(Collected data entries)

▬▬▬▬▬▬▬▬▬▬

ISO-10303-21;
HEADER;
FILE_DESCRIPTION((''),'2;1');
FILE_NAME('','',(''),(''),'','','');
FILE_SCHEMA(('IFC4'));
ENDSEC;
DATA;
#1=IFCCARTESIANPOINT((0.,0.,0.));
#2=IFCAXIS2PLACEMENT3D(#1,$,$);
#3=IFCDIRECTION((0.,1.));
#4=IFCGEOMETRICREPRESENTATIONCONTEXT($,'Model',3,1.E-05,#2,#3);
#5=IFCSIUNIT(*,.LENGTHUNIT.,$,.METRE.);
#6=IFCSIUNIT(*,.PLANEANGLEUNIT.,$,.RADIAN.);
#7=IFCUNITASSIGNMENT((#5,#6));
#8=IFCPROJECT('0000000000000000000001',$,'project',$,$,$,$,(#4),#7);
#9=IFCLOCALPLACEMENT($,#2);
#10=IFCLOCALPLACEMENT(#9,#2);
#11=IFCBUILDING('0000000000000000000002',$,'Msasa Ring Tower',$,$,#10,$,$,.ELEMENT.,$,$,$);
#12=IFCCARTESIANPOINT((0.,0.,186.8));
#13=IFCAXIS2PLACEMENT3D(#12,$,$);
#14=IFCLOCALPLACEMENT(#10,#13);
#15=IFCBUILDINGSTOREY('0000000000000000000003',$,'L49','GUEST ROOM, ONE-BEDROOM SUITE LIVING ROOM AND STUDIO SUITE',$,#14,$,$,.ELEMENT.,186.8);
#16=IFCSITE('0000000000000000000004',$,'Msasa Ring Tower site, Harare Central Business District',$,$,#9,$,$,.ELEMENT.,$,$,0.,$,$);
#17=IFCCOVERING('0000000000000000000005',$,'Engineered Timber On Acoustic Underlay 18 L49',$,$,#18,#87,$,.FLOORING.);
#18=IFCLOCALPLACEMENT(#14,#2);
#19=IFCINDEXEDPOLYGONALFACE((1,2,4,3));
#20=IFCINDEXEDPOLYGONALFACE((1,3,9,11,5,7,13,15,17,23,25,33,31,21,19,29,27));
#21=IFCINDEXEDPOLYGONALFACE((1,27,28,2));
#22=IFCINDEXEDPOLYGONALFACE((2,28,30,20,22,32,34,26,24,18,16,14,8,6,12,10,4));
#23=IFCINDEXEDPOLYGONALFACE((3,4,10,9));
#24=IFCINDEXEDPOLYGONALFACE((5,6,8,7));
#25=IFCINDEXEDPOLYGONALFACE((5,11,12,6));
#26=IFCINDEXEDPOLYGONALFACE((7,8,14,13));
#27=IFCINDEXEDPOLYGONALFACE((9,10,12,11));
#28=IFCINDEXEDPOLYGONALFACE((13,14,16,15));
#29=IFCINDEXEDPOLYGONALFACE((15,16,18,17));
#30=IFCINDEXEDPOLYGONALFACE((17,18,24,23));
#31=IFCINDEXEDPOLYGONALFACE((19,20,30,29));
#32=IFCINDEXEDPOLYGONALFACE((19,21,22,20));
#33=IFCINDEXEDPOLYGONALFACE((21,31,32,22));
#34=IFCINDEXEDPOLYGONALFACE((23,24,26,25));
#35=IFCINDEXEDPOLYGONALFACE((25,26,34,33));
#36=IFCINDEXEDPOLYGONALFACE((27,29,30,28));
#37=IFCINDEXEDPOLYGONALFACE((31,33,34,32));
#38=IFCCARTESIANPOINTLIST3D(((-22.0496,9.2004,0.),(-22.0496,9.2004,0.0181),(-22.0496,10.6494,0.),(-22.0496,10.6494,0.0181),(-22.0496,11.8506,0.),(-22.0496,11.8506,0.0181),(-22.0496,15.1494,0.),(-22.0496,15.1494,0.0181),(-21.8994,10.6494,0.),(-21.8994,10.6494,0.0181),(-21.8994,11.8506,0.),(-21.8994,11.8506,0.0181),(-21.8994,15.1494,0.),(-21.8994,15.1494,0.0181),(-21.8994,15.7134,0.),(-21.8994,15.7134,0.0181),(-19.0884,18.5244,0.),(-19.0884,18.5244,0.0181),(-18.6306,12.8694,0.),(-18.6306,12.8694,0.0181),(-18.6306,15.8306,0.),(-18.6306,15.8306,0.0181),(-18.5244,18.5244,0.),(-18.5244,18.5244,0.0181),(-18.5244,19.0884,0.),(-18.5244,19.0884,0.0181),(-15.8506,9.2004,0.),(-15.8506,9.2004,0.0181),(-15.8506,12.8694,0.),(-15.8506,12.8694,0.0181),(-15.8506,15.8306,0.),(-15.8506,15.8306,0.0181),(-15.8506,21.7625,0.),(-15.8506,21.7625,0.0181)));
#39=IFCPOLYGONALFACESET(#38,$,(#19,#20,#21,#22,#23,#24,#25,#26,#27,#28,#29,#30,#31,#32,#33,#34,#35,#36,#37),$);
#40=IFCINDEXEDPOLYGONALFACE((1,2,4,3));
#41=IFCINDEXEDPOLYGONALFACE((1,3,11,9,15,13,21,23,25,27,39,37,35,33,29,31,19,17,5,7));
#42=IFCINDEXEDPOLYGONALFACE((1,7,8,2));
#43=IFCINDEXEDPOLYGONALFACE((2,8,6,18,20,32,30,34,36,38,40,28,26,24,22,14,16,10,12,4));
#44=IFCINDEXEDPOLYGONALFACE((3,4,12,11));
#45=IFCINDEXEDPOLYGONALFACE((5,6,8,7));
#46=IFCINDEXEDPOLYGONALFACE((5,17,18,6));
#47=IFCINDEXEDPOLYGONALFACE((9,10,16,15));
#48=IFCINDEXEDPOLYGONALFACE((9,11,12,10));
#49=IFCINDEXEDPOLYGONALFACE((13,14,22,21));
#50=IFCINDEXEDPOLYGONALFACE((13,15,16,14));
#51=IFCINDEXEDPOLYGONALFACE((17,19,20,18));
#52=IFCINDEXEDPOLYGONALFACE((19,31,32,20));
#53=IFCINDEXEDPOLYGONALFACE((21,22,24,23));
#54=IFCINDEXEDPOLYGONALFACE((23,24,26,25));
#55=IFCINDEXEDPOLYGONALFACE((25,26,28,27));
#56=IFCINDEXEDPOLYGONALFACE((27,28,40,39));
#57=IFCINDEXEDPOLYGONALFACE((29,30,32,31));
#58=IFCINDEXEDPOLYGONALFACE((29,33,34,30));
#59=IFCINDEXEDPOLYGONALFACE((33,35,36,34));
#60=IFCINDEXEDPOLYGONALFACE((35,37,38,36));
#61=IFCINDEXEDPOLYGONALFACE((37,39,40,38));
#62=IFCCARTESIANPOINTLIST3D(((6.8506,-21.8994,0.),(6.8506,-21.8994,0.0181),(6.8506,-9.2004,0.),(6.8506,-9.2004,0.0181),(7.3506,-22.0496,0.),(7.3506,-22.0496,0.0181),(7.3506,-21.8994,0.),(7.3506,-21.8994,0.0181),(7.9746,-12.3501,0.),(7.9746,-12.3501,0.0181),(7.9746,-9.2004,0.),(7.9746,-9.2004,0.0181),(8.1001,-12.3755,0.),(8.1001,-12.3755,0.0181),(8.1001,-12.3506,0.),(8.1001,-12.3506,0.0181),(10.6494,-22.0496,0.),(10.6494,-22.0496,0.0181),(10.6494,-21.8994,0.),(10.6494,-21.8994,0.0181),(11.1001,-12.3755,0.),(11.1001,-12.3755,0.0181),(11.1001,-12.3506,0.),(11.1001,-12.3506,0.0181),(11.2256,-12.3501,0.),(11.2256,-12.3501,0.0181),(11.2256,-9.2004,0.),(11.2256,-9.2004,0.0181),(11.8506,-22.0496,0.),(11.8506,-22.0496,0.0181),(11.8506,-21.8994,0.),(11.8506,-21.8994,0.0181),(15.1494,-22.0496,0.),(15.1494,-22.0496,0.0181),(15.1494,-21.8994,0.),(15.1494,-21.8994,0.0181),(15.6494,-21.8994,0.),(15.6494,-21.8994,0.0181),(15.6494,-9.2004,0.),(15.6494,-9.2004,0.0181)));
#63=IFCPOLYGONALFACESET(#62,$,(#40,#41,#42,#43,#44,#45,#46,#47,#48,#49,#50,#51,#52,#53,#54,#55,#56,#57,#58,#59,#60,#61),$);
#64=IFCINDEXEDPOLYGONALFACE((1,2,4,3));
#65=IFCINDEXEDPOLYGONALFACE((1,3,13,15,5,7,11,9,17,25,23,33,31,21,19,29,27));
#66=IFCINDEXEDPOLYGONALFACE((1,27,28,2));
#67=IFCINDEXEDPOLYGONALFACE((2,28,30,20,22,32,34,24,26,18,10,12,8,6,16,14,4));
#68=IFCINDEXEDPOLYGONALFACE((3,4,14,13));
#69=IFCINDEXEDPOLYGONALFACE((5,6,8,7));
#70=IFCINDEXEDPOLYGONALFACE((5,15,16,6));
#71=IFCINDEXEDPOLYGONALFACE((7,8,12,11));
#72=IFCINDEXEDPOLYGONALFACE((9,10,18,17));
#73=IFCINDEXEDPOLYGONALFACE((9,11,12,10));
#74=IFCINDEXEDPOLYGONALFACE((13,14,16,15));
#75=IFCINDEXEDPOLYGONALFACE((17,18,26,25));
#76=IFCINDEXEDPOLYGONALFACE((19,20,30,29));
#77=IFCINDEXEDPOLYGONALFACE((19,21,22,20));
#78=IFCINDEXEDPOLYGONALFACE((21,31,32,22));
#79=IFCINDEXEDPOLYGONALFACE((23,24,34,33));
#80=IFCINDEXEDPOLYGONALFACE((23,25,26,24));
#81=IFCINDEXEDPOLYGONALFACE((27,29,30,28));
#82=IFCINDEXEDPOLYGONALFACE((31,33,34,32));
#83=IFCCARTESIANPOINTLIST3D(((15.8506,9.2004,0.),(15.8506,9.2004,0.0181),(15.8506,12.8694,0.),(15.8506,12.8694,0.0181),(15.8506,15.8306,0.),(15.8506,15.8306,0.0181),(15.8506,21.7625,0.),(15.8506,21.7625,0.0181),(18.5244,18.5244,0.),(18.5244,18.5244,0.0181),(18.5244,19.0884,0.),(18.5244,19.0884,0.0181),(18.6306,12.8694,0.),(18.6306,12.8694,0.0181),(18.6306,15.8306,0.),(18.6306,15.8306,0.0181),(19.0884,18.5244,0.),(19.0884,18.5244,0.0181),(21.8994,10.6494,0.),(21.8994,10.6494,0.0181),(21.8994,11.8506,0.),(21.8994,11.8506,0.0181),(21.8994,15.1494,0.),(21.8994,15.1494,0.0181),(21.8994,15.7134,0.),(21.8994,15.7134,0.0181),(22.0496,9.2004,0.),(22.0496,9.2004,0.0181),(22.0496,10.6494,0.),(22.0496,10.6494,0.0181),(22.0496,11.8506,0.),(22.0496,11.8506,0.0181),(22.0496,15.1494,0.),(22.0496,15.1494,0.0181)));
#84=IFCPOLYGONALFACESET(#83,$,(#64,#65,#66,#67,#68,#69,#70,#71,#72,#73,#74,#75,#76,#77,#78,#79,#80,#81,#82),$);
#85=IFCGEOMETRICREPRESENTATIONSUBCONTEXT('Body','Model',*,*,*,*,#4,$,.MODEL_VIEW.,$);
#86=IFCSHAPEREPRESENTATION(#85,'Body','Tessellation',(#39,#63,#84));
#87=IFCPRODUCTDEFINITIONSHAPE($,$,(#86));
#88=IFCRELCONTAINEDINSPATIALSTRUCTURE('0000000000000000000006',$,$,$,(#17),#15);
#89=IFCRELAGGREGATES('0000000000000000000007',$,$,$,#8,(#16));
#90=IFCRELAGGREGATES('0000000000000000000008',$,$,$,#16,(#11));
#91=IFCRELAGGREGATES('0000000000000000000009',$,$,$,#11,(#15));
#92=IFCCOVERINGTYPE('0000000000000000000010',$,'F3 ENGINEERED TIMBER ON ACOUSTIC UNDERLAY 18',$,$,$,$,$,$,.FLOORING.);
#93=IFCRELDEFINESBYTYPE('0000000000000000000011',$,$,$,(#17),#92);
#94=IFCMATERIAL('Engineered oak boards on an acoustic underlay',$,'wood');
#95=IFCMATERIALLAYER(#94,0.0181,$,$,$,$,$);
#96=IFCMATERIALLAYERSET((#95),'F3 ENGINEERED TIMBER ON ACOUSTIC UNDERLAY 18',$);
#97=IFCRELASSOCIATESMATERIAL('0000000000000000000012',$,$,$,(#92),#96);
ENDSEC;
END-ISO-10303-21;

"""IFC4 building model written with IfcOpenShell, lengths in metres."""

from ifc_helpers import new_model, si_unit, direction, frame, origin, place, context, subcontext, project, spatial, line, indexed_curve, outline, extrude, material, layer, layer_set, type_object, element, save


model = new_model("IFC4")

# Units and contexts
model_context = context("Model", 3, precision=1e-05, world=origin(), true_north=direction((0.0, 1.0)))
body_context = subcontext(model_context, "Body", "Model", "MODEL_VIEW")
ifc_project = project(units=[si_unit("LENGTHUNIT", "METRE"), si_unit("PLANEANGLEUNIT", "RADIAN")], contexts=[model_context])

# Site, building, storey
site_placement = place(None, origin())
site = spatial("IfcSite", under=ifc_project, at=site_placement, Name="Msasa Ring Tower site, Harare Central Business District", CompositionType="ELEMENT", RefElevation=0.0)
building_placement = place(site_placement, origin())
building = spatial("IfcBuilding", under=site, at=building_placement, Name="Msasa Ring Tower", CompositionType="ELEMENT")
storey_placement = place(building_placement, frame((0.0, 0.0, 186.8)))
storey = spatial("IfcBuildingStorey", under=building, at=storey_placement, Name="L49", Description="GUEST ROOM, ONE-BEDROOM SUITE LIVING ROOM AND STUDIO SUITE", CompositionType="ELEMENT", Elevation=186.8)

# Covering
ifc_material_1 = material(Name="Engineered oak boards on an acoustic underlay", Category="wood")
ifc_layer_1 = layer(ifc_material_1, 0.0181)
ifc_layer_set_1 = layer_set([ifc_layer_1], Name="F3 ENGINEERED TIMBER ON ACOUSTIC UNDERLAY 18")
covering_type_1 = type_object("IfcCoveringType", Name="F3 ENGINEERED TIMBER ON ACOUSTIC UNDERLAY 18", PredefinedType="FLOORING", material=ifc_layer_set_1)
covering_1_placement = place(storey_placement, origin())
element("IfcCovering", 1, at=covering_1_placement, inside=storey, type_object=covering_type_1, Name="Engineered Timber On Acoustic Underlay 18 L49", PredefinedType="FLOORING", context=body_context, shape_type="SweptSolid", body=[
    extrude(outline(indexed_curve([(-18.6306, 15.8306), (-18.6306, 12.8694), (-15.8506, 12.8694), (-15.8506, 9.2004), (-22.0496, 9.2004), (-22.0496, 10.6494), (-21.8994, 10.6494), (-21.8994, 11.8506), (-22.0496, 11.8506), (-22.0496, 15.1494), (-21.8994, 15.1494), (-21.8994, 15.7134), (-19.0884, 18.5244), (-18.5244, 18.5244), (-18.5244, 19.0884), (-15.8506, 21.7625), (-15.8506, 15.8306)], segments=[line(1, 2, 3, 4, 5, 6, 7, 8, 9, 10, 11, 12, 13, 14, 15, 16, 17, 1)], self_intersect=False)), origin(), (0.0, 0.0, 1.0), 0.0181),
    extrude(outline(indexed_curve([(6.8506, -9.2004), (7.9746, -9.2004), (7.9746, -12.3501), (8.1001, -12.3506), (8.1001, -12.3755), (11.1001, -12.3755), (11.1001, -12.3506), (11.2256, -12.3501), (11.2256, -9.2004), (15.6494, -9.2004), (15.6494, -21.8994), (15.1494, -21.8994), (15.1494, -22.0496), (11.8506, -22.0496), (11.8506, -21.8994), (10.6494, -21.8994), (10.6494, -22.0496), (7.3506, -22.0496), (7.3506, -21.8994), (6.8506, -21.8994)], segments=[line(1, 2, 3, 4, 5, 6, 7, 8, 9, 10, 11, 12, 13, 14, 15, 16, 17, 18, 19, 20, 1)], self_intersect=False)), origin(), (0.0, 0.0, 1.0), 0.0181),
    extrude(outline(indexed_curve([(15.8506, 15.8306), (15.8506, 21.7625), (18.5244, 19.0884), (18.5244, 18.5244), (19.0884, 18.5244), (21.8994, 15.7134), (21.8994, 15.1494), (22.0496, 15.1494), (22.0496, 11.8506), (21.8994, 11.8506), (21.8994, 10.6494), (22.0496, 10.6494), (22.0496, 9.2004), (15.8506, 9.2004), (15.8506, 12.8694), (18.6306, 12.8694), (18.6306, 15.8306)], segments=[line(1, 2, 3, 4, 5, 6, 7, 8, 9, 10, 11, 12, 13, 14, 15, 16, 17, 1)], self_intersect=False)), origin(), (0.0, 0.0, 1.0), 0.0181),
])

save(model, "model.ifc")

▬▬▬▬▬▬▬▬▬▬

- The task:
Examine the records above and give the number of lines in which the string "IFCLOCALPLACEMENT" appears, with no other words.

- Solution for this task:
4